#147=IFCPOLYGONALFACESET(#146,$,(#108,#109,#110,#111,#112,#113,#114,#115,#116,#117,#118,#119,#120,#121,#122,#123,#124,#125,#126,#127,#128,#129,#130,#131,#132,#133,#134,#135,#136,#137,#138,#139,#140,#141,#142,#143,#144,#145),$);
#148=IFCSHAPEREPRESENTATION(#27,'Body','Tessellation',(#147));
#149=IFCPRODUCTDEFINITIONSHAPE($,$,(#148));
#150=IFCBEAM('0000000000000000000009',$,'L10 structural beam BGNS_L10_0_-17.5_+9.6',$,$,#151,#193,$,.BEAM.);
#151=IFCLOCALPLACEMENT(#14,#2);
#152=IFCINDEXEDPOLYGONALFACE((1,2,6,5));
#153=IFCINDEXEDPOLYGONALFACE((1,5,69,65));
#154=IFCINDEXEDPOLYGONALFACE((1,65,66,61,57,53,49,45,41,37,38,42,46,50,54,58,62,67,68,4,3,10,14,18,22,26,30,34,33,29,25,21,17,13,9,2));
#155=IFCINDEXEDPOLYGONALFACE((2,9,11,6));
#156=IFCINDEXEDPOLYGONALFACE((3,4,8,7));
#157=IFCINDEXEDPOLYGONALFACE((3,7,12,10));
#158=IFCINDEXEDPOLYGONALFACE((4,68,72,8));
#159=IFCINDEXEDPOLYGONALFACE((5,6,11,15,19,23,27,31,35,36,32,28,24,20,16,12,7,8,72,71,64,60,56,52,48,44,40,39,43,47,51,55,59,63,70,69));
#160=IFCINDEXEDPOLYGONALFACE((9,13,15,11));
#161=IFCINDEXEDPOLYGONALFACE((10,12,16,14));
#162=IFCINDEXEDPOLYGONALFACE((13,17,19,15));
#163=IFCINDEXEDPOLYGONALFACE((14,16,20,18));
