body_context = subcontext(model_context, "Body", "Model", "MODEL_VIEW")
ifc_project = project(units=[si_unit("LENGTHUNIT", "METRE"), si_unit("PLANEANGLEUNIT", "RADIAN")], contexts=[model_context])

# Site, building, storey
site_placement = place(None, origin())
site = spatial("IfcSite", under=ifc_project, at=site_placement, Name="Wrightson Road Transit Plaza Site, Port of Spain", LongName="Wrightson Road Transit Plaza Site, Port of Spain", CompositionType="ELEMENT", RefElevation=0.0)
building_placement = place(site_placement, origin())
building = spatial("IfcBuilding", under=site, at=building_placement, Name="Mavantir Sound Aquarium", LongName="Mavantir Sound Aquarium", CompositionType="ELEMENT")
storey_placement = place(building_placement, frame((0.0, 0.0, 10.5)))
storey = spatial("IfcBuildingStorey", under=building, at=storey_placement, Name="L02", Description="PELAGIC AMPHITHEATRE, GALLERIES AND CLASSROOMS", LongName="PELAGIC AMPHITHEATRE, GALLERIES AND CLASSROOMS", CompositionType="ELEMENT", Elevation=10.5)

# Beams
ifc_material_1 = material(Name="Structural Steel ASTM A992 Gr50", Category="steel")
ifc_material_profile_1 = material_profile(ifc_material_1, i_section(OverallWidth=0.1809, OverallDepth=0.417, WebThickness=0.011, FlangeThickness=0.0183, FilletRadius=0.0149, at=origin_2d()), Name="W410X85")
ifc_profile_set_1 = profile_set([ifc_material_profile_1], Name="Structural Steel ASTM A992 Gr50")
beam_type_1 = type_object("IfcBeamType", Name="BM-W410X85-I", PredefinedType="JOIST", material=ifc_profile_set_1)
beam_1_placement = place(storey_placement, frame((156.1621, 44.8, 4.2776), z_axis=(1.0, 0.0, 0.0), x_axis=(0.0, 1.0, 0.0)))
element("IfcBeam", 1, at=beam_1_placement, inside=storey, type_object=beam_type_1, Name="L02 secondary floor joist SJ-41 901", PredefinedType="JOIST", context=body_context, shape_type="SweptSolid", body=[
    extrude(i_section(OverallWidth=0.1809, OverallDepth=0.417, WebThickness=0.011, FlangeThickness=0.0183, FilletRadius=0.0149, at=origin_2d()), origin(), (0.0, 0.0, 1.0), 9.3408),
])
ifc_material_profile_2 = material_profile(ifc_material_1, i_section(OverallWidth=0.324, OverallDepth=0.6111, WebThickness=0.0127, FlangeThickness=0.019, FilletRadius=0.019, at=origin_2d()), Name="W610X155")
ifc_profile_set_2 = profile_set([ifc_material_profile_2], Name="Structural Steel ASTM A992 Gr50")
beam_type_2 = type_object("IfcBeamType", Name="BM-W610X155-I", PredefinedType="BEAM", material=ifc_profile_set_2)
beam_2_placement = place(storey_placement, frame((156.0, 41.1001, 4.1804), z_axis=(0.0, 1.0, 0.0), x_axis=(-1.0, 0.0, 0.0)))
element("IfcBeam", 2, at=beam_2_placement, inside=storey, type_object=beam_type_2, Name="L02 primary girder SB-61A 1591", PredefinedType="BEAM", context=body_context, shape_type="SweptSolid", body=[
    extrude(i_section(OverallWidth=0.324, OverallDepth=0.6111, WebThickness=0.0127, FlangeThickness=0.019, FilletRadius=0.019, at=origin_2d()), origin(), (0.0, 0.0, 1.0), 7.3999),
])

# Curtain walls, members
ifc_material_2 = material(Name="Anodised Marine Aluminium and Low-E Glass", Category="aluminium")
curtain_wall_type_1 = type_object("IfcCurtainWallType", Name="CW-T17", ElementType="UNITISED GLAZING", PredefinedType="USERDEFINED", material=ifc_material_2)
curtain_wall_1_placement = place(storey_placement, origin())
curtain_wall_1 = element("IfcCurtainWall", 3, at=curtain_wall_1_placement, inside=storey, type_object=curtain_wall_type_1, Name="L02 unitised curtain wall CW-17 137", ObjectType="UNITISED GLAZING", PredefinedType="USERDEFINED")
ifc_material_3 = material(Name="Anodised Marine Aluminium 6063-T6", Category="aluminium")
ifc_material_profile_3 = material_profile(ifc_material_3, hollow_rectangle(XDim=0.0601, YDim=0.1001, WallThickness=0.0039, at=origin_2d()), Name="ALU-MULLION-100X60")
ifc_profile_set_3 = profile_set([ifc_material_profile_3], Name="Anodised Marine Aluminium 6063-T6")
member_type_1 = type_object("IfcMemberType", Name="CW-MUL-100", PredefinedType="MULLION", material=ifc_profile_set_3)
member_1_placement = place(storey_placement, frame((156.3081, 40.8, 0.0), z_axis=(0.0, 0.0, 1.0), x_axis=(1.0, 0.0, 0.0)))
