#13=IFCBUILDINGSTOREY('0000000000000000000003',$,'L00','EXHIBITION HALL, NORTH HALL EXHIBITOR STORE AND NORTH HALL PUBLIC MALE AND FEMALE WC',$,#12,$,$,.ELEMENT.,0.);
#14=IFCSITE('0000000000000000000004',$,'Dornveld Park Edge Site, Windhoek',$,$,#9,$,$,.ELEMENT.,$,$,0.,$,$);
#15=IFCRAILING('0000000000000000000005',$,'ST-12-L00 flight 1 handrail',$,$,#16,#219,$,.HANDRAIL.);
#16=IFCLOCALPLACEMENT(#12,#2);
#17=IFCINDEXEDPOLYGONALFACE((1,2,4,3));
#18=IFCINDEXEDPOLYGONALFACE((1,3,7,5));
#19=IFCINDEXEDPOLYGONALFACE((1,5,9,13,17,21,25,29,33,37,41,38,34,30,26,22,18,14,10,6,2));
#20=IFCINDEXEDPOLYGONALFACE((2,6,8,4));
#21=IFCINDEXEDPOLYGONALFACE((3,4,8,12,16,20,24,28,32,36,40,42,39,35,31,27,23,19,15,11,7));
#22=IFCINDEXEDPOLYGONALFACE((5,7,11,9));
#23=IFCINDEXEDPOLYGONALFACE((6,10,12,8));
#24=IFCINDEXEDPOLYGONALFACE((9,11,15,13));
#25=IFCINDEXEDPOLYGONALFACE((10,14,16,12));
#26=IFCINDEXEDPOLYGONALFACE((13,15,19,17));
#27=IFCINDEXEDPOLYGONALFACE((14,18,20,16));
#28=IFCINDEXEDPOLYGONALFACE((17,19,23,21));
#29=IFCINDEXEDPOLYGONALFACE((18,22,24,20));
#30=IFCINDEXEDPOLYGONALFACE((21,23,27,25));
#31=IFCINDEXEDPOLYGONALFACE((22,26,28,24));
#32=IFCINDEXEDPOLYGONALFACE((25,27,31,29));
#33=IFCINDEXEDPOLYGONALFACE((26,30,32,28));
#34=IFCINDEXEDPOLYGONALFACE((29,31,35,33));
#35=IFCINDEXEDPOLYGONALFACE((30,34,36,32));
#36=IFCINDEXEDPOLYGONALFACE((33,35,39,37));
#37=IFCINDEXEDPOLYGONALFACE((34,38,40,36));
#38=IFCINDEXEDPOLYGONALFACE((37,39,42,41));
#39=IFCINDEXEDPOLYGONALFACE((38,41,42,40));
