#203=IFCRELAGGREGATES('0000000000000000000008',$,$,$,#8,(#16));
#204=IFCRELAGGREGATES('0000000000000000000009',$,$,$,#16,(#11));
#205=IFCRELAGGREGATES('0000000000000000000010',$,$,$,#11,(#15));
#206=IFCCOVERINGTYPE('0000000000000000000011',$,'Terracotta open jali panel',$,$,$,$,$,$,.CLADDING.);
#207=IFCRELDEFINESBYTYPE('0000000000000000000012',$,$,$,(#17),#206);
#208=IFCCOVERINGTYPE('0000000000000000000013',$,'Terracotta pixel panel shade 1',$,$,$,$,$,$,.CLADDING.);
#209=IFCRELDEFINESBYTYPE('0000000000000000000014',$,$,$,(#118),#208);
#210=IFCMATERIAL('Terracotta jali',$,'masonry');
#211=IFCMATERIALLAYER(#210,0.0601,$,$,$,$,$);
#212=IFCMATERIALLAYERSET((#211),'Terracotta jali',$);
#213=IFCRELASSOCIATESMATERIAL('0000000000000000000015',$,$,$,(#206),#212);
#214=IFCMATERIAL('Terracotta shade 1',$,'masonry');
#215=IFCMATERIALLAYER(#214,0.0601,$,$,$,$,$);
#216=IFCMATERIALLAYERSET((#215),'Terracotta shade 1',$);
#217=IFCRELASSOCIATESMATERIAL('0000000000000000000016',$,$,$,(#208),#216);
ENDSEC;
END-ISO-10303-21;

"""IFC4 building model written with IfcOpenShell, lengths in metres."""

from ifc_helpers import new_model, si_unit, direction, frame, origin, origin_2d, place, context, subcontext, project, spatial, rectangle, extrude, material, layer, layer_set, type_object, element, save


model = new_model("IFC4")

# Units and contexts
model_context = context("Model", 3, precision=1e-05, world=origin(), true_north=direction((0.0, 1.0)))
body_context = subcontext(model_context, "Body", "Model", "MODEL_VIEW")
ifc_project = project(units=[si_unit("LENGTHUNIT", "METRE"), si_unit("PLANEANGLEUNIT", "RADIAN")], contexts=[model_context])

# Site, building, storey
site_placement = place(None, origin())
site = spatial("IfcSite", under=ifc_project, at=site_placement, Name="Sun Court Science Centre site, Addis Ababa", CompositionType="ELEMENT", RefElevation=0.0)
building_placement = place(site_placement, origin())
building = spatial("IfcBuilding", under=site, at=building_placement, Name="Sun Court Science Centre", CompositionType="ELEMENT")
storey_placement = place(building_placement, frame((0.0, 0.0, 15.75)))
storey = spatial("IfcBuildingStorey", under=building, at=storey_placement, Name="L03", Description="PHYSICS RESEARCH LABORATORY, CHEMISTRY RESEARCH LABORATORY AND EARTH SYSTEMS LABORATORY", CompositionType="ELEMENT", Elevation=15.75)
* * * *
Output, exactly and in full, the lines from the start of the entries above through the line that contains "#153=IFCINDEXEDPOLYGONALFACE((1,5,69,65));".

[Reply]
#147=IFCPOLYGONALFACESET(#146,$,(#108,#109,#110,#111,#112,#113,#114,#115,#116,#117,#118,#119,#120,#121,#122,#123,#124,#125,#126,#127,#128,#129,#130,#131,#132,#133,#134,#135,#136,#137,#138,#139,#140,#141,#142,#143,#144,#145),$);
#148=IFCSHAPEREPRESENTATION(#27,'Body','Tessellation',(#147));
#149=IFCPRODUCTDEFINITIONSHAPE($,$,(#148));
#150=IFCBEAM('0000000000000000000009',$,'L10 structural beam BGNS_L10_0_-17.5_+9.6',$,$,#151,#193,$,.BEAM.);
#151=IFCLOCALPLACEMENT(#14,#2);
#152=IFCINDEXEDPOLYGONALFACE((1,2,6,5));
#153=IFCINDEXEDPOLYGONALFACE((1,5,69,65));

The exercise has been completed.